Work task
Would you please copy the part of the material below that opens with the line containing "#186=IFCSHAPEREPRESENTATION(#33,'Body','Tessellation',(#185));" and closes with the line containing "#199=IFCPRODUCTDEFINITIONSHAPE($,$,(#198));"? Copy it exactly, and only it.

Working data

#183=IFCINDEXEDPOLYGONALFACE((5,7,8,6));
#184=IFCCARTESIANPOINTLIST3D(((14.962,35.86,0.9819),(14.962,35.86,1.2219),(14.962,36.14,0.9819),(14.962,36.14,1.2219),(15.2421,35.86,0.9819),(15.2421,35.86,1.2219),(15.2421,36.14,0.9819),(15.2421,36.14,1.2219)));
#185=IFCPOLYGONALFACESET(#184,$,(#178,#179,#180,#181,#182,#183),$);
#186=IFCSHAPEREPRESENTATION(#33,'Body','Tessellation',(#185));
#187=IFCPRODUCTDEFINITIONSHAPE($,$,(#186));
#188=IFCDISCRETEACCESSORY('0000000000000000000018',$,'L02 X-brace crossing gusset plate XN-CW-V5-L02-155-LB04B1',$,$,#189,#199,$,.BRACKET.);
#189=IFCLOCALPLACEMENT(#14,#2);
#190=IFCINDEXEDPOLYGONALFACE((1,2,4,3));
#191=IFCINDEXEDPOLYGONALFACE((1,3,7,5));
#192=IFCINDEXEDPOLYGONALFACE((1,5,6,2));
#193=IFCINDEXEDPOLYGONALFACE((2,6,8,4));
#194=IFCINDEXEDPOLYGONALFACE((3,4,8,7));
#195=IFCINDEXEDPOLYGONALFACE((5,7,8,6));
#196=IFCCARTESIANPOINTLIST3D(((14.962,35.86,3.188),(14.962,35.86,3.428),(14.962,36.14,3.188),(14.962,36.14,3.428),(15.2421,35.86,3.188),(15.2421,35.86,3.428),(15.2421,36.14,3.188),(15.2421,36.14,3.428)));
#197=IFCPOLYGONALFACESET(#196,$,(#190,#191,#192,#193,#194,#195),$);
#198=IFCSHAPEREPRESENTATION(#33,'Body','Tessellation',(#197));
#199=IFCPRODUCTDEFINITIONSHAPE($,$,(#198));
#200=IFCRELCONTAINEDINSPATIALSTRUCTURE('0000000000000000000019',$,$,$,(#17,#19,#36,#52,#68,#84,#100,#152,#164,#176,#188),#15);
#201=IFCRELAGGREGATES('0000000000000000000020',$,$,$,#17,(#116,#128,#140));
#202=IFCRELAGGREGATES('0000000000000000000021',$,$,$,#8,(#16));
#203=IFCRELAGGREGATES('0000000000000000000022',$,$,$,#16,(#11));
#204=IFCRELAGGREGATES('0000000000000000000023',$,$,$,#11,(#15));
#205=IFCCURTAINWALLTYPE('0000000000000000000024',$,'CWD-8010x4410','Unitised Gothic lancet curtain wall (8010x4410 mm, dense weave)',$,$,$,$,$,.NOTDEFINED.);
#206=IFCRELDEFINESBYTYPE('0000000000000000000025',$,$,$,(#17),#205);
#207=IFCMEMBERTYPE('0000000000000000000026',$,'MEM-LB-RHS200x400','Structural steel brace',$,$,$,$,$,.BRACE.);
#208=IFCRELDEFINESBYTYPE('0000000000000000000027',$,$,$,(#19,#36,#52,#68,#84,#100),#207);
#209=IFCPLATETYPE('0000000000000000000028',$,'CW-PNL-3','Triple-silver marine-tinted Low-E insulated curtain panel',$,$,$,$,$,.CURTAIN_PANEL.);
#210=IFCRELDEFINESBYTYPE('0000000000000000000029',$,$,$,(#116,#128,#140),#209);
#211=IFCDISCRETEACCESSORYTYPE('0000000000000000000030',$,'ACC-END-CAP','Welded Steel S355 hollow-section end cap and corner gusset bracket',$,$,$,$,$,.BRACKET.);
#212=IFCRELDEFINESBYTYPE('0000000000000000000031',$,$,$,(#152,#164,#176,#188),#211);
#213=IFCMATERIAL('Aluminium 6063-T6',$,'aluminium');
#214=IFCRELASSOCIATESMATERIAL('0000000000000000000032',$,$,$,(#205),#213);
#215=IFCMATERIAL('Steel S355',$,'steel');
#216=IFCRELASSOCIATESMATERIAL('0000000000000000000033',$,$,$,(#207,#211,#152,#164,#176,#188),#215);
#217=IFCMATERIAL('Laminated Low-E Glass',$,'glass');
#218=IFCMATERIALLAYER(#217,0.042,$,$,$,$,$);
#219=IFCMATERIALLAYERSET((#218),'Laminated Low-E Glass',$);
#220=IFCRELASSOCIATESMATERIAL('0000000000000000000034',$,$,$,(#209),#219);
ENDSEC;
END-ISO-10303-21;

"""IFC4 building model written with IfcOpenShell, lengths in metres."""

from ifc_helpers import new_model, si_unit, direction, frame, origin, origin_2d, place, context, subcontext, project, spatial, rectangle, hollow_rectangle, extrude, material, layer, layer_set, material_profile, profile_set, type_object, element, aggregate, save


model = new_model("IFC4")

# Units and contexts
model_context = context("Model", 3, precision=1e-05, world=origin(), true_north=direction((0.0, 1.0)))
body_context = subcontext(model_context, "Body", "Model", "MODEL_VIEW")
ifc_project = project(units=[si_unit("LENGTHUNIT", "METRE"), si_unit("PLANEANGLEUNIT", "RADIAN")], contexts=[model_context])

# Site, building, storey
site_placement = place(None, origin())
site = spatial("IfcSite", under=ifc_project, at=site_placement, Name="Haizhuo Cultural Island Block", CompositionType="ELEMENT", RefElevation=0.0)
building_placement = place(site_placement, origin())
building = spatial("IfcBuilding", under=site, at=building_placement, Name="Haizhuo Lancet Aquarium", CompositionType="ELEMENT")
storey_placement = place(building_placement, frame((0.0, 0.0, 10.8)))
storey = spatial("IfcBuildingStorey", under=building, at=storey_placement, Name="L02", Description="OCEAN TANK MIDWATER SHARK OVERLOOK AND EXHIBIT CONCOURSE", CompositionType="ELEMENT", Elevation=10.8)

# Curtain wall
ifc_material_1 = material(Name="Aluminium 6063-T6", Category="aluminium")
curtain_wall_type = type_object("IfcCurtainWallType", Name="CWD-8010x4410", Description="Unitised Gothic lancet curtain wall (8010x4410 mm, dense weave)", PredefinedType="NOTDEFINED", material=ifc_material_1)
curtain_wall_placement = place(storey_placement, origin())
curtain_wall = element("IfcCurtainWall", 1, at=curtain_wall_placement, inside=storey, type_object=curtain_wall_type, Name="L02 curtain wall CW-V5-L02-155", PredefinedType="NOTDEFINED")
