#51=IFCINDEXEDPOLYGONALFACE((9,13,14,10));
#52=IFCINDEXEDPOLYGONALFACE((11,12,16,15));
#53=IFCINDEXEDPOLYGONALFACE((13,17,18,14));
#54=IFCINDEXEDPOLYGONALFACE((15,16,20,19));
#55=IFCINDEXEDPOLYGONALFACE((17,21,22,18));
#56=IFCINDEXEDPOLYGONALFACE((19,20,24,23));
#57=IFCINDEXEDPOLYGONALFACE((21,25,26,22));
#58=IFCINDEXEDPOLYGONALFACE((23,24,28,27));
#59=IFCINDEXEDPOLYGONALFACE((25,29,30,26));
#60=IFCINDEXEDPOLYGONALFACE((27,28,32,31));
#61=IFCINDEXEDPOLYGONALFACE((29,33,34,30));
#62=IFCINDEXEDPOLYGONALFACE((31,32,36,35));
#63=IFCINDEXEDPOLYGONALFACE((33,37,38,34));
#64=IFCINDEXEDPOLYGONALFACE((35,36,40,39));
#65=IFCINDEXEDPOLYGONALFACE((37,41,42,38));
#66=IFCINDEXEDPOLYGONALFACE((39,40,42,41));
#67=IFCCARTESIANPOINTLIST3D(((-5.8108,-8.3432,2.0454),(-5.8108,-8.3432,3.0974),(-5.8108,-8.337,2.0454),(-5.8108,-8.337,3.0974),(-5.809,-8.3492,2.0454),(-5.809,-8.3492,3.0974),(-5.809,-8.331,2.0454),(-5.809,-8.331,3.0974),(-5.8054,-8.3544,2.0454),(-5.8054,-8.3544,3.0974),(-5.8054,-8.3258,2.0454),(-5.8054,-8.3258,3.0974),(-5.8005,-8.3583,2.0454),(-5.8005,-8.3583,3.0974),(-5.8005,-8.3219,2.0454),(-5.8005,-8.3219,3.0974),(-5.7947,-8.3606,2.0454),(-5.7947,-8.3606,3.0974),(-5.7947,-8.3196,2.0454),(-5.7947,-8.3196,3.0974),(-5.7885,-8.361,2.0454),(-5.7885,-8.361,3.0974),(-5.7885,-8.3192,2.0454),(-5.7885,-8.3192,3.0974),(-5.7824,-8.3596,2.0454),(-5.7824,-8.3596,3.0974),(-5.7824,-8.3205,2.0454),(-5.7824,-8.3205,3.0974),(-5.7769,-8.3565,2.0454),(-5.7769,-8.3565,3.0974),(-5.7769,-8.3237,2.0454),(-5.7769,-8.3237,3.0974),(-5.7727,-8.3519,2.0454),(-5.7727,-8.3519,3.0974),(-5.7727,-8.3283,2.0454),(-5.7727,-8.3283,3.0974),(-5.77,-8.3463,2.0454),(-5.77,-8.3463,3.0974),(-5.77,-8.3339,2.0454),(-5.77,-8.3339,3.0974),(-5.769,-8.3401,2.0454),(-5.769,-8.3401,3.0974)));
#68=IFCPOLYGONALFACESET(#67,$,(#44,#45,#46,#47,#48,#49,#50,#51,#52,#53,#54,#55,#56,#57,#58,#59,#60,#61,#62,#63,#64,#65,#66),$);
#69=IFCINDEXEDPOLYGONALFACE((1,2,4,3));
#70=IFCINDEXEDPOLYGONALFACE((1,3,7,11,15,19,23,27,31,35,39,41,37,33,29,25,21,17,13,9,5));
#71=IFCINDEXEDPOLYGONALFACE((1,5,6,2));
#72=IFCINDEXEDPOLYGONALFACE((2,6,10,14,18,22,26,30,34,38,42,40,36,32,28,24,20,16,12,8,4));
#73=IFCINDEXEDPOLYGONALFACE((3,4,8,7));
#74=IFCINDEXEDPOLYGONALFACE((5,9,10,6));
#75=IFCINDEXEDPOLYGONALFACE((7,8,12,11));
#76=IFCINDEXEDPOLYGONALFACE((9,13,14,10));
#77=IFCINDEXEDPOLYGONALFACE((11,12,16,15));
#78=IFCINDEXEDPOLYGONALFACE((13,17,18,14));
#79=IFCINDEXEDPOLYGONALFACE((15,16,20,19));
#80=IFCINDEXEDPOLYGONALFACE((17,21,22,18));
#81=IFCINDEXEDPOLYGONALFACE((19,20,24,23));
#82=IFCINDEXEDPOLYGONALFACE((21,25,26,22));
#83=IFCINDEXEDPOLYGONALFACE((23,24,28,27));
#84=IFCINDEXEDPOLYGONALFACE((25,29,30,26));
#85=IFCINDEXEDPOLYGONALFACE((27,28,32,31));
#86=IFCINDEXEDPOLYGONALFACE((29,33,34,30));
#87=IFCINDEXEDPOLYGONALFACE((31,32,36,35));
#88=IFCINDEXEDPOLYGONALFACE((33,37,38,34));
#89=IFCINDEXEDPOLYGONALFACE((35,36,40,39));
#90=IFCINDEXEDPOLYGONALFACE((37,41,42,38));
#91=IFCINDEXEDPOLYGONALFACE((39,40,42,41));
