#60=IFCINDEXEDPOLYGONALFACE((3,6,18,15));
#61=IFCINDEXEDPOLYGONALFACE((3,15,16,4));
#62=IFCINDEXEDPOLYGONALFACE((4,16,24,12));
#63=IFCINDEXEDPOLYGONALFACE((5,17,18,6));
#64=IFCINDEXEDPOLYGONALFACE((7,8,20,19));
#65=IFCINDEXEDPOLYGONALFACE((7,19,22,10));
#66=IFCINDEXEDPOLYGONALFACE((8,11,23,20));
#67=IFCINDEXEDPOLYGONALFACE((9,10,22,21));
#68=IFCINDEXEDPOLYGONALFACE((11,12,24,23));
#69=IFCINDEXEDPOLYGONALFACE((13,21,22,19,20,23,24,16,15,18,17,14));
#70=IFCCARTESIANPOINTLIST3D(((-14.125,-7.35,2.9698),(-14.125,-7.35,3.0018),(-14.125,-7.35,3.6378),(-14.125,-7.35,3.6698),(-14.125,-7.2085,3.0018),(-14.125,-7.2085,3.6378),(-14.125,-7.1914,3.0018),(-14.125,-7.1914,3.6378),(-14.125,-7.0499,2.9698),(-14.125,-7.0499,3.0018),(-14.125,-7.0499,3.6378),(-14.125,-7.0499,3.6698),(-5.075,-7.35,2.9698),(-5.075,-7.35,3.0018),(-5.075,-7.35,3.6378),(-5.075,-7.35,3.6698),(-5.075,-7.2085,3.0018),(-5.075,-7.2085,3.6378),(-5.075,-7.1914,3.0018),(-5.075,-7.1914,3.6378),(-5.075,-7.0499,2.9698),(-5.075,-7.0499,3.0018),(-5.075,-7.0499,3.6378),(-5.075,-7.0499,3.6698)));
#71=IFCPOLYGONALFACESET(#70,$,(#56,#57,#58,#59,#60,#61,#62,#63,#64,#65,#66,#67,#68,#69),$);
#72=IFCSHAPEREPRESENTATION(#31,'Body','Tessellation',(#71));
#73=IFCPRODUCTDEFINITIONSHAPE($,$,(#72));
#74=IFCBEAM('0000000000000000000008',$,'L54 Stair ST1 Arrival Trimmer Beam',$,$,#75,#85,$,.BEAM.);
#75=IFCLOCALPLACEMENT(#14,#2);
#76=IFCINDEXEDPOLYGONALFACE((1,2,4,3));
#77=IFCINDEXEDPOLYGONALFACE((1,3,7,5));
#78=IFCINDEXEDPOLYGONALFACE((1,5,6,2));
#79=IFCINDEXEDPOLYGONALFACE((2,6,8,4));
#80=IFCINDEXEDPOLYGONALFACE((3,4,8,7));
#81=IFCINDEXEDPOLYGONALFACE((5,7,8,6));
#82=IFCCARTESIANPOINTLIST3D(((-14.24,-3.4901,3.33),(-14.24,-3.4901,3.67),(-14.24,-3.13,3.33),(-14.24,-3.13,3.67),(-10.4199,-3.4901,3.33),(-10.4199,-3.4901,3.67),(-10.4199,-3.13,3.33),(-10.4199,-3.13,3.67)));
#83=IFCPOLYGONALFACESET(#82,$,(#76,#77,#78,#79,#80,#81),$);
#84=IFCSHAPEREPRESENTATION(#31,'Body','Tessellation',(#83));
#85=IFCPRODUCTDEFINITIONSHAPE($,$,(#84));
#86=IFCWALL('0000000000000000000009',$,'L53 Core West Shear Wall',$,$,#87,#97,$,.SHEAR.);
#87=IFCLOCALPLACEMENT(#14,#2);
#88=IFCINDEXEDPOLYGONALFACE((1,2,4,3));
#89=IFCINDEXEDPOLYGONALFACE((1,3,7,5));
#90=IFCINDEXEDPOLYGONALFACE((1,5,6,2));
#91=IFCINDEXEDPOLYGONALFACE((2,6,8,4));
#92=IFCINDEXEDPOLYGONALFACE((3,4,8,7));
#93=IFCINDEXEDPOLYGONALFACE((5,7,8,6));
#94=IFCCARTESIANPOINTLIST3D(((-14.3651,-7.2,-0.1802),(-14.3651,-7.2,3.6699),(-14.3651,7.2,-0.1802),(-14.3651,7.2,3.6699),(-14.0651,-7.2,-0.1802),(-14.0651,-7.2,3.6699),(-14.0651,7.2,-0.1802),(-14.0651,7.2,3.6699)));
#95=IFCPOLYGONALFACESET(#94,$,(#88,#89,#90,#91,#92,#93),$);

Output for this task
#186=IFCSHAPEREPRESENTATION(#33,'Body','Tessellation',(#185));
#187=IFCPRODUCTDEFINITIONSHAPE($,$,(#186));
#188=IFCDISCRETEACCESSORY('0000000000000000000018',$,'L02 X-brace crossing gusset plate XN-CW-V5-L02-155-LB04B1',$,$,#189,#199,$,.BRACKET.);
#189=IFCLOCALPLACEMENT(#14,#2);
#190=IFCINDEXEDPOLYGONALFACE((1,2,4,3));
#191=IFCINDEXEDPOLYGONALFACE((1,3,7,5));
#192=IFCINDEXEDPOLYGONALFACE((1,5,6,2));
#193=IFCINDEXEDPOLYGONALFACE((2,6,8,4));
#194=IFCINDEXEDPOLYGONALFACE((3,4,8,7));
#195=IFCINDEXEDPOLYGONALFACE((5,7,8,6));
#196=IFCCARTESIANPOINTLIST3D(((14.962,35.86,3.188),(14.962,35.86,3.428),(14.962,36.14,3.188),(14.962,36.14,3.428),(15.2421,35.86,3.188),(15.2421,35.86,3.428),(15.2421,36.14,3.188),(15.2421,36.14,3.428)));
#197=IFCPOLYGONALFACESET(#196,$,(#190,#191,#192,#193,#194,#195),$);
#198=IFCSHAPEREPRESENTATION(#33,'Body','Tessellation',(#197));
#199=IFCPRODUCTDEFINITIONSHAPE($,$,(#198));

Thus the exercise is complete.